# [EXCERPTED RECORDS]
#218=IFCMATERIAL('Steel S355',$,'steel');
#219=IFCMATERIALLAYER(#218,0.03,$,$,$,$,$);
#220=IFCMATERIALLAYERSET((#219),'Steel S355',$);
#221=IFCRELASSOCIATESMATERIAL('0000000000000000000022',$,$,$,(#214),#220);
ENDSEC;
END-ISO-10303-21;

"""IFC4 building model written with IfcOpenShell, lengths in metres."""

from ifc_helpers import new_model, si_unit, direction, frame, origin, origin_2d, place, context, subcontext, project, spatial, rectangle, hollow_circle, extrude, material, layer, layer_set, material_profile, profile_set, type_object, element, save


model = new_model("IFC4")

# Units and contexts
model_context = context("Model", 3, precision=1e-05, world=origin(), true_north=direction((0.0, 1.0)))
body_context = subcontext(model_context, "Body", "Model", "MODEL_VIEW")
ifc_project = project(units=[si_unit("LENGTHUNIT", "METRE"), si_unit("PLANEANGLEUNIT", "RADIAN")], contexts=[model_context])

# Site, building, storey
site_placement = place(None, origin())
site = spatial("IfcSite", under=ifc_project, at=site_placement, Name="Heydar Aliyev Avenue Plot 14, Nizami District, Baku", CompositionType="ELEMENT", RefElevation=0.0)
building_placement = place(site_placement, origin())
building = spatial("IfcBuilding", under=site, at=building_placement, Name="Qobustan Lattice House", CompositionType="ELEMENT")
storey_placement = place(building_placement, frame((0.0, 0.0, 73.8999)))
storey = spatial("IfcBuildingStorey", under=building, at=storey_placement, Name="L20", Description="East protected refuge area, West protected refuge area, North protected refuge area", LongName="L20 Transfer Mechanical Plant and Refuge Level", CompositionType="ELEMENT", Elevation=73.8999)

# [REQUIRED WORK]
Starting from the records above, filter out all lines except those containing the word "contexts".

# [ANSWER TO THIS EXERCISE]
# Units and contexts
ifc_project = project(units=[si_unit("LENGTHUNIT", "METRE"), si_unit("PLANEANGLEUNIT", "RADIAN")], contexts=[model_context])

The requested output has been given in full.